BEGIN Material supplied
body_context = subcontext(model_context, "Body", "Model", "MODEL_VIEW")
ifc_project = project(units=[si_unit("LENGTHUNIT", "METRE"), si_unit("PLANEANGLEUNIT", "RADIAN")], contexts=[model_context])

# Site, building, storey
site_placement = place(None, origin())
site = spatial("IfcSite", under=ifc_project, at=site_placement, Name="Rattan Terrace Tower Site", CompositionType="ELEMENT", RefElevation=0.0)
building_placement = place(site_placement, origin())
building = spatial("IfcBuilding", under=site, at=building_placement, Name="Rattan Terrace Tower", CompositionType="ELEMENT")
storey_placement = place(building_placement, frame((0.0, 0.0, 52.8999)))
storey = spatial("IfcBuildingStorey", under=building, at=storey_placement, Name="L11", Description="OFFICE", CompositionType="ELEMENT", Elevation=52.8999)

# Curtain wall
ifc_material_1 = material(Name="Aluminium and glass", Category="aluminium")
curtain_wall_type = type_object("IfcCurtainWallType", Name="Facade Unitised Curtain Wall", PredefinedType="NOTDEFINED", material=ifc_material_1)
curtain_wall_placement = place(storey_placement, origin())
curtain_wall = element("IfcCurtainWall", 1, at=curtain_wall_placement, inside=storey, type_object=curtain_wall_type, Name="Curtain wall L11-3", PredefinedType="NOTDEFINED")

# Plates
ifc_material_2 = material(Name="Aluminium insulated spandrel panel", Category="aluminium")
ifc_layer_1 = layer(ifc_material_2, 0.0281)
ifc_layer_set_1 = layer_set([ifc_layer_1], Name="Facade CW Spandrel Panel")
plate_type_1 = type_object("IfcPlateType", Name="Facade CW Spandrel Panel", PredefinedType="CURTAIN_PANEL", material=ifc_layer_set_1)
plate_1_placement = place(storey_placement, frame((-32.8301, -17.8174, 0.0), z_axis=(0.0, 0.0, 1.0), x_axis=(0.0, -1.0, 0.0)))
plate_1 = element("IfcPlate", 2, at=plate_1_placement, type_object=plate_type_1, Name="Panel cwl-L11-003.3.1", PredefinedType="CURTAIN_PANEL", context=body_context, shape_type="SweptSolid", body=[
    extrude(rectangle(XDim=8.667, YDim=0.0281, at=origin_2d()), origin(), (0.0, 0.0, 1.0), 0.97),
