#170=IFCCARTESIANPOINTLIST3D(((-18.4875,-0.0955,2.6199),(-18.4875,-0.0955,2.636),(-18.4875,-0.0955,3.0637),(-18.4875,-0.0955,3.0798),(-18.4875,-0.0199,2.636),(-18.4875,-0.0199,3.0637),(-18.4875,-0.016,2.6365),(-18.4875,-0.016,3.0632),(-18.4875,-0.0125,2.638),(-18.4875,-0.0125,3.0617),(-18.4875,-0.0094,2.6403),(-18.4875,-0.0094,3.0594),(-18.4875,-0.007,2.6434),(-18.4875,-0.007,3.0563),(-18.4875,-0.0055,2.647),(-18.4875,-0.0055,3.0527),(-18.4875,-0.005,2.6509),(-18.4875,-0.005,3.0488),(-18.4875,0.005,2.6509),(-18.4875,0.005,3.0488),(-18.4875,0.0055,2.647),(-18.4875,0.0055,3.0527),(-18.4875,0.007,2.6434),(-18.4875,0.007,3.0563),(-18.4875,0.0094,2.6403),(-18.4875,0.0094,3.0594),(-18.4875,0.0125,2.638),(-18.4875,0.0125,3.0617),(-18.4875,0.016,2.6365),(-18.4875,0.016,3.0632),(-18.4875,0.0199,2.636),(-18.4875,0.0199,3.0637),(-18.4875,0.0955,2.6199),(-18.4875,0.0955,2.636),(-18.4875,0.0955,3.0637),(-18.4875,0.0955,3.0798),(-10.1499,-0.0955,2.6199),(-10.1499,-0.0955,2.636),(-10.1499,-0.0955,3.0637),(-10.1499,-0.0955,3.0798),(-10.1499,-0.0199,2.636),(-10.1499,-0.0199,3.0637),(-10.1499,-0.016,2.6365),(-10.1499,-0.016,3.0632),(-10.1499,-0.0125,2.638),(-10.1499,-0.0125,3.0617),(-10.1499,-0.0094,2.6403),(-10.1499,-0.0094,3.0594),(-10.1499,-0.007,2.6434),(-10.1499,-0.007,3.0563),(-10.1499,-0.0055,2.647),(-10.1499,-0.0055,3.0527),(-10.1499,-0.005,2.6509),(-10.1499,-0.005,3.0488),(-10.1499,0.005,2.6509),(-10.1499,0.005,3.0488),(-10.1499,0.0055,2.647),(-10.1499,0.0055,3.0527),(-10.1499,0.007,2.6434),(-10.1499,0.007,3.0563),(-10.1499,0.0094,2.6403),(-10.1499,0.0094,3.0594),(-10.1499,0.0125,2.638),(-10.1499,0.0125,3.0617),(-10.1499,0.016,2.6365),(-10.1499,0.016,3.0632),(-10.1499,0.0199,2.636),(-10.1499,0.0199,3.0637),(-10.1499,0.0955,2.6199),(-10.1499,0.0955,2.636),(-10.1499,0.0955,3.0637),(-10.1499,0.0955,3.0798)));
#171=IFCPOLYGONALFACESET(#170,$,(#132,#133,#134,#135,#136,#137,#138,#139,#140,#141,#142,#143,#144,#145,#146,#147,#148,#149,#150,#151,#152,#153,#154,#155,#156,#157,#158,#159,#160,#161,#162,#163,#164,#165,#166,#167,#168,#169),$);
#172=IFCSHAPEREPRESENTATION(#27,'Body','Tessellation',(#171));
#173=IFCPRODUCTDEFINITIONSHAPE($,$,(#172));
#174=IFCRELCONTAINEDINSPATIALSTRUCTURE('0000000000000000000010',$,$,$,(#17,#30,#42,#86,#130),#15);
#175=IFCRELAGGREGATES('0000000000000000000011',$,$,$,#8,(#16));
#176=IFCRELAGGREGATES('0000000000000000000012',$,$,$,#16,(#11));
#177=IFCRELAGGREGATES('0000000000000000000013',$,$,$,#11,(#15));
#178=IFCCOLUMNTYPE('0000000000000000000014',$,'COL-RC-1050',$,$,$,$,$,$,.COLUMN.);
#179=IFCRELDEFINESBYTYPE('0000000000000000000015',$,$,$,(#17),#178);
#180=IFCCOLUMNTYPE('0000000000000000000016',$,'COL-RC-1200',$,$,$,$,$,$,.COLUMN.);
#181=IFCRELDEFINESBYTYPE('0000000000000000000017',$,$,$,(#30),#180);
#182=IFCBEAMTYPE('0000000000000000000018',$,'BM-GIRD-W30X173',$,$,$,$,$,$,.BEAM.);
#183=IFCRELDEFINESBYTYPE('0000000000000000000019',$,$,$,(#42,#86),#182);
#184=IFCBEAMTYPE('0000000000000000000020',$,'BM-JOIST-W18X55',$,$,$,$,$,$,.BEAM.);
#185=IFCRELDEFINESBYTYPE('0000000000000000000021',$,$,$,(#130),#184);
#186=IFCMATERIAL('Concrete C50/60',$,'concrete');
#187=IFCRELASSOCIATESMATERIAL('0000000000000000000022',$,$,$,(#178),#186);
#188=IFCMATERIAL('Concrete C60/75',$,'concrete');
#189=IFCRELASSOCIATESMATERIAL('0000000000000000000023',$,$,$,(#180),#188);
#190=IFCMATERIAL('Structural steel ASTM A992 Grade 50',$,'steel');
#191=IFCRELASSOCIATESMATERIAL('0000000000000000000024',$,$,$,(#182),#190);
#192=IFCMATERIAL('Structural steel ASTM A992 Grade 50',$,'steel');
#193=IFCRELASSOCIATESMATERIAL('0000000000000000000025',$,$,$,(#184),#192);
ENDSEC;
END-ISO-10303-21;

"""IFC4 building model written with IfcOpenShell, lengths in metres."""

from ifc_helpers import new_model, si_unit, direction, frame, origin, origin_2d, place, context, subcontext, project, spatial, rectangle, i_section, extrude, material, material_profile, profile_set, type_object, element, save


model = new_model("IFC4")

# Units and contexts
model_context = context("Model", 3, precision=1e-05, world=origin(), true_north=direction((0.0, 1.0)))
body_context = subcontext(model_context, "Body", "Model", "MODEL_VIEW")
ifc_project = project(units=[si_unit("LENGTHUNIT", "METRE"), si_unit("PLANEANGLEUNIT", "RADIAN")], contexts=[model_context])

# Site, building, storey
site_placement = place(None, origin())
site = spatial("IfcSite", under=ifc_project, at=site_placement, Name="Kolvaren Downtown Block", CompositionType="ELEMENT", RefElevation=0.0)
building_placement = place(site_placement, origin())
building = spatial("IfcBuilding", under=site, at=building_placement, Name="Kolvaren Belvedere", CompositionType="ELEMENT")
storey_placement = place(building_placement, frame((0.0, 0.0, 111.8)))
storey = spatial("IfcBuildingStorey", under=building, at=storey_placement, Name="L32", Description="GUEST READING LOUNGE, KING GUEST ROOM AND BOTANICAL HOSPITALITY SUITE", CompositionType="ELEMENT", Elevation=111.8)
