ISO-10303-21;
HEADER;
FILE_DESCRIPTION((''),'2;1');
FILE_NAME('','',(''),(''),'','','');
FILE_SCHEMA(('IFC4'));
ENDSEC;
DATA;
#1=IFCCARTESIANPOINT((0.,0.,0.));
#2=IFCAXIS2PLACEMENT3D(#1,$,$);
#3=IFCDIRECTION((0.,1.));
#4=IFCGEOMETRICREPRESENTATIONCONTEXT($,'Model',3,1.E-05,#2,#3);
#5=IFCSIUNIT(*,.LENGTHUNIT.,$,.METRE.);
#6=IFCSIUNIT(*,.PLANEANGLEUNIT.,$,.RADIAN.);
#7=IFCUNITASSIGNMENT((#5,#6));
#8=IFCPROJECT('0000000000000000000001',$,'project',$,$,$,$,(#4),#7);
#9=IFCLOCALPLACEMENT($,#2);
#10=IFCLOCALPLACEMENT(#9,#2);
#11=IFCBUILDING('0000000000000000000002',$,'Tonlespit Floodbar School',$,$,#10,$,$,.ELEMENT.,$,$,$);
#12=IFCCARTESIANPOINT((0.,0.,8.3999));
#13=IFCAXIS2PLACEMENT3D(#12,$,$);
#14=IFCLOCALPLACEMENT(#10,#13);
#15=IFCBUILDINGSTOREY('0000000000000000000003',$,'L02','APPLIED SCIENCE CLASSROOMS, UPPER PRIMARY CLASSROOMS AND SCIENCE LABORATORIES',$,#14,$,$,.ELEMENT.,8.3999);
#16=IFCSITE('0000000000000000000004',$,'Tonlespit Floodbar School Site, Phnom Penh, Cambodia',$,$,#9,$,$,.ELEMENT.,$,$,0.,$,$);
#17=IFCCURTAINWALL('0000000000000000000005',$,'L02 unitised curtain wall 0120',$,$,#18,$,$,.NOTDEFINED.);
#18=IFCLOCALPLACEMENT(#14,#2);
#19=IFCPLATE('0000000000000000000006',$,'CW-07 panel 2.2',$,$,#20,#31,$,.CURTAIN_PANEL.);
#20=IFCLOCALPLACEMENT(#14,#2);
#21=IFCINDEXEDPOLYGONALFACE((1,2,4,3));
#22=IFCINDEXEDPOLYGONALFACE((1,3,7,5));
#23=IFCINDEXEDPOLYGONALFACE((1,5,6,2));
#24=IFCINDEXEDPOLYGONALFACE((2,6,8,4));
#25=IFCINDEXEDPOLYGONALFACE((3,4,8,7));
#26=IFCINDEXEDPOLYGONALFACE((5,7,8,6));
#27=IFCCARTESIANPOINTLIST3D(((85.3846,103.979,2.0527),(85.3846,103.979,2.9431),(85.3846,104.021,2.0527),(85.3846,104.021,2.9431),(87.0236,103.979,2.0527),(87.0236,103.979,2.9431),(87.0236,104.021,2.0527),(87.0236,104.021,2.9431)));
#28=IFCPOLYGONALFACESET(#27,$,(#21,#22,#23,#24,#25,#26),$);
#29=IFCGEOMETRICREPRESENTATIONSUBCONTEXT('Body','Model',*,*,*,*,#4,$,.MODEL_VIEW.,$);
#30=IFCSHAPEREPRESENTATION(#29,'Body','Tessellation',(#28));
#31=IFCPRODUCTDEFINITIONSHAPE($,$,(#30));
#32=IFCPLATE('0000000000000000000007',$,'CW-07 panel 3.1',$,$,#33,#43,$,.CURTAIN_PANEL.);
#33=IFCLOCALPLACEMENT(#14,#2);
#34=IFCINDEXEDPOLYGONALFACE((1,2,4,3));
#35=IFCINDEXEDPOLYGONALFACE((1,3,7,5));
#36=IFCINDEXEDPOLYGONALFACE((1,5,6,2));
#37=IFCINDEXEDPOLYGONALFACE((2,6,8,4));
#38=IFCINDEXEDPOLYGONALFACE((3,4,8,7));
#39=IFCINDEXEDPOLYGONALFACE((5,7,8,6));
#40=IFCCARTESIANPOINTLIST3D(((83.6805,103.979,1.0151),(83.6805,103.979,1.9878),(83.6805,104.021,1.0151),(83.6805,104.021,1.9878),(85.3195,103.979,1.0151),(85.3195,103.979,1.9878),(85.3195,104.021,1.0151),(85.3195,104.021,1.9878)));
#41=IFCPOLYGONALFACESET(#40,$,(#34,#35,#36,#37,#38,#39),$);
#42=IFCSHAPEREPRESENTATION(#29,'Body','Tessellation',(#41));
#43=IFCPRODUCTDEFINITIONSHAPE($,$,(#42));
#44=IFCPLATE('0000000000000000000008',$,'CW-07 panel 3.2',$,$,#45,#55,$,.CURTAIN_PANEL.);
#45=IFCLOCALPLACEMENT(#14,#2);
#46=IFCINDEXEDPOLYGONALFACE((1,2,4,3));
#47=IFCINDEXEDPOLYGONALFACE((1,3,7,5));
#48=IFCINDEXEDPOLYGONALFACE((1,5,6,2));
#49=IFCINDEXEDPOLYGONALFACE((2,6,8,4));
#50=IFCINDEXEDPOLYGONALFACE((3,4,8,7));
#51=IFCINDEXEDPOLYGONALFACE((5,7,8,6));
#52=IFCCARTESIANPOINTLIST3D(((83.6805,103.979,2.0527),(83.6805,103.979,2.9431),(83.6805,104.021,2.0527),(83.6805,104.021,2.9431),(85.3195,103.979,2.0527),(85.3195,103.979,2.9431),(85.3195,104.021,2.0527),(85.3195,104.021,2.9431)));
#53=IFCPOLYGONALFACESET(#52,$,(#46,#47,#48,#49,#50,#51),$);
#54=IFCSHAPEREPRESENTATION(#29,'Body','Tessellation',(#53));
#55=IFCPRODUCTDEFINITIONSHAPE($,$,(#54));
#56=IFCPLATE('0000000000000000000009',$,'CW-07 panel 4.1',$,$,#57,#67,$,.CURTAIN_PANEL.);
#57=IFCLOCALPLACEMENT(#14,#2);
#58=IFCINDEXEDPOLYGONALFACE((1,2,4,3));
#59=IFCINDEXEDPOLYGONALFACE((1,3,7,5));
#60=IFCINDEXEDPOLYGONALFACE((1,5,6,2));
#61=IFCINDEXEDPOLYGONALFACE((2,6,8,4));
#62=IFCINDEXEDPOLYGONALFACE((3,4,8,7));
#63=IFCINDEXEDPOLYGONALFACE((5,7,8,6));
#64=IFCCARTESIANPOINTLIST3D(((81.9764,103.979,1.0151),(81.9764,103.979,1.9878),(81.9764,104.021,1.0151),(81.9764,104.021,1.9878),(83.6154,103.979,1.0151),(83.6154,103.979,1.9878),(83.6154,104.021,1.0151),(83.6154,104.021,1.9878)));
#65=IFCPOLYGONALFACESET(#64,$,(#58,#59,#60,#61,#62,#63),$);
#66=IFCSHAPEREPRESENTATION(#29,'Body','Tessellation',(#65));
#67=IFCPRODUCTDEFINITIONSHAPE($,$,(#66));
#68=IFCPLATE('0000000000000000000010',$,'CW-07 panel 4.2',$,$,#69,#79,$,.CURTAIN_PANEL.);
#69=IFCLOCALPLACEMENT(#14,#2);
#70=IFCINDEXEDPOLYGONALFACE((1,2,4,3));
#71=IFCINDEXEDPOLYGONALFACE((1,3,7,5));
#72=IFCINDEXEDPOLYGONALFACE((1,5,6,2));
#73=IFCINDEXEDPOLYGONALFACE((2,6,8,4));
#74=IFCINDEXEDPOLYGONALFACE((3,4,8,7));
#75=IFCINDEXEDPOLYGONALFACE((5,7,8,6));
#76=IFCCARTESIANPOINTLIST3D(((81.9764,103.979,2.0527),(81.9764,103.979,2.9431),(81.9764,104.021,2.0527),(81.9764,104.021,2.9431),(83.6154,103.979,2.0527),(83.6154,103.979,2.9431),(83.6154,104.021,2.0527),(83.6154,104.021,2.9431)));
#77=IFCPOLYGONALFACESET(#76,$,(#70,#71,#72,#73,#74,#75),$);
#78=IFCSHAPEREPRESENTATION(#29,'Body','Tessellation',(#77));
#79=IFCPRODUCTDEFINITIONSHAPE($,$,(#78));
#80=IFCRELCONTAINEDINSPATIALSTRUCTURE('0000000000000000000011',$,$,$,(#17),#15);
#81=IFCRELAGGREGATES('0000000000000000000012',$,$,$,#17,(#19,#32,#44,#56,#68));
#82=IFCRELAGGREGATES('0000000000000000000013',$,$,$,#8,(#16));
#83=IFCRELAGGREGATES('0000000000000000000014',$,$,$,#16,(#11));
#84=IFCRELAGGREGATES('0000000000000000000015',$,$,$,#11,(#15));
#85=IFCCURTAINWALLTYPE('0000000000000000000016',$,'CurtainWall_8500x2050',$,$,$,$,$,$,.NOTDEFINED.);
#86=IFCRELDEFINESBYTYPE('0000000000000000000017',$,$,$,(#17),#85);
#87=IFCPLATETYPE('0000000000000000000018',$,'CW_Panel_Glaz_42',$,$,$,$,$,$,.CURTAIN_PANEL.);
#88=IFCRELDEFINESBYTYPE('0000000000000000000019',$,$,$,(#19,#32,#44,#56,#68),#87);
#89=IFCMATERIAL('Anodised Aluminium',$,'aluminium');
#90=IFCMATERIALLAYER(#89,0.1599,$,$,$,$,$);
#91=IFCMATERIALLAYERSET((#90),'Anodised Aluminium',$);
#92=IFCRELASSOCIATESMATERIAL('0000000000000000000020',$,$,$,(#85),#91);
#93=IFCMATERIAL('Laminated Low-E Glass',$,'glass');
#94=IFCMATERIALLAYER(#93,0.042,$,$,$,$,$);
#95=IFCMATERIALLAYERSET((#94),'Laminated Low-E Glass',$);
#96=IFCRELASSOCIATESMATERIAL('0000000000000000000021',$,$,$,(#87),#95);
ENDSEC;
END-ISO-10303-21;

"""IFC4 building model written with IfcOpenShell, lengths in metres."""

from ifc_helpers import new_model, si_unit, direction, frame, origin, origin_2d, place, context, subcontext, project, spatial, rectangle, extrude, material, layer, layer_set, type_object, element, aggregate, save


model = new_model("IFC4")

# Units and contexts
model_context = context("Model", 3, precision=1e-05, world=origin(), true_north=direction((0.0, 1.0)))
body_context = subcontext(model_context, "Body", "Model", "MODEL_VIEW")
ifc_project = project(units=[si_unit("LENGTHUNIT", "METRE"), si_unit("PLANEANGLEUNIT", "RADIAN")], contexts=[model_context])

# Site, building, storey
site_placement = place(None, origin())
site = spatial("IfcSite", under=ifc_project, at=site_placement, Name="Tonlespit Floodbar School Site, Phnom Penh, Cambodia", CompositionType="ELEMENT", RefElevation=0.0)
building_placement = place(site_placement, origin())
building = spatial("IfcBuilding", under=site, at=building_placement, Name="Tonlespit Floodbar School", CompositionType="ELEMENT")
storey_placement = place(building_placement, frame((0.0, 0.0, 8.3999)))
storey = spatial("IfcBuildingStorey", under=building, at=storey_placement, Name="L02", Description="APPLIED SCIENCE CLASSROOMS, UPPER PRIMARY CLASSROOMS AND SCIENCE LABORATORIES", CompositionType="ELEMENT", Elevation=8.3999)

# Curtain wall, plates
ifc_material_1 = material(Name="Anodised Aluminium", Category="aluminium")
ifc_layer_1 = layer(ifc_material_1, 0.1599)
ifc_layer_set_1 = layer_set([ifc_layer_1], Name="Anodised Aluminium")
curtain_wall_type = type_object("IfcCurtainWallType", Name="CurtainWall_8500x2050", PredefinedType="NOTDEFINED", material=ifc_layer_set_1)
curtain_wall_placement = place(storey_placement, origin())
curtain_wall = element("IfcCurtainWall", 1, at=curtain_wall_placement, inside=storey, type_object=curtain_wall_type, Name="L02 unitised curtain wall 0120", PredefinedType="NOTDEFINED")
ifc_material_2 = material(Name="Laminated Low-E Glass", Category="glass")
ifc_layer_2 = layer(ifc_material_2, 0.042)
ifc_layer_set_2 = layer_set([ifc_layer_2], Name="Laminated Low-E Glass")
plate_type = type_object("IfcPlateType", Name="CW_Panel_Glaz_42", PredefinedType="CURTAIN_PANEL", material=ifc_layer_set_2)
plate_1_placement = place(storey_placement, frame((86.2041, 104.0, 2.0527), z_axis=(0.0, 0.0, 1.0), x_axis=(-1.0, 0.0, 0.0)))
plate_1 = element("IfcPlate", 2, at=plate_1_placement, type_object=plate_type, Name="CW-07 panel 2.2", PredefinedType="CURTAIN_PANEL", context=body_context, shape_type="SweptSolid", body=[
    extrude(rectangle(XDim=1.6389, YDim=0.042, at=origin_2d()), origin(), (0.0, 0.0, 1.0), 0.8904),
])
plate_2_placement = place(storey_placement, frame((84.5, 104.0, 1.0151), z_axis=(0.0, 0.0, 1.0), x_axis=(-1.0, 0.0, 0.0)))
plate_2 = element("IfcPlate", 3, at=plate_2_placement, type_object=plate_type, Name="CW-07 panel 3.1", PredefinedType="CURTAIN_PANEL", context=body_context, shape_type="SweptSolid", body=[
    extrude(rectangle(XDim=1.6389, YDim=0.042, at=origin_2d()), origin(), (0.0, 0.0, 1.0), 0.9727),
])
plate_3_placement = place(storey_placement, frame((84.5, 104.0, 2.0527), z_axis=(0.0, 0.0, 1.0), x_axis=(-1.0, 0.0, 0.0)))
plate_3 = element("IfcPlate", 4, at=plate_3_placement, type_object=plate_type, Name="CW-07 panel 3.2", PredefinedType="CURTAIN_PANEL", context=body_context, shape_type="SweptSolid", body=[
    extrude(rectangle(XDim=1.6389, YDim=0.042, at=origin_2d()), origin(), (0.0, 0.0, 1.0), 0.8904),
])
plate_4_placement = place(storey_placement, frame((82.7959, 104.0, 1.0151), z_axis=(0.0, 0.0, 1.0), x_axis=(-1.0, 0.0, 0.0)))
plate_4 = element("IfcPlate", 5, at=plate_4_placement, type_object=plate_type, Name="CW-07 panel 4.1", PredefinedType="CURTAIN_PANEL", context=body_context, shape_type="SweptSolid", body=[
    extrude(rectangle(XDim=1.6389, YDim=0.042, at=origin_2d()), origin(), (0.0, 0.0, 1.0), 0.9727),
])
plate_5_placement = place(storey_placement, frame((82.7959, 104.0, 2.0527), z_axis=(0.0, 0.0, 1.0), x_axis=(-1.0, 0.0, 0.0)))
plate_5 = element("IfcPlate", 6, at=plate_5_placement, type_object=plate_type, Name="CW-07 panel 4.2", PredefinedType="CURTAIN_PANEL", context=body_context, shape_type="SweptSolid", body=[
    extrude(rectangle(XDim=1.6389, YDim=0.042, at=origin_2d()), origin(), (0.0, 0.0, 1.0), 0.8904),
])
aggregate(curtain_wall, [plate_1, plate_2, plate_3, plate_4, plate_5])

save(model, "model.ifc")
END Material supplied
What to do
Filter the records for the word "IFCCOLUMNTYPE" and show every line that has it.

Response
#178=IFCCOLUMNTYPE('0000000000000000000014',$,'COL-RC-1050',$,$,$,$,$,$,.COLUMN.);
#180=IFCCOLUMNTYPE('0000000000000000000016',$,'COL-RC-1200',$,$,$,$,$,$,.COLUMN.);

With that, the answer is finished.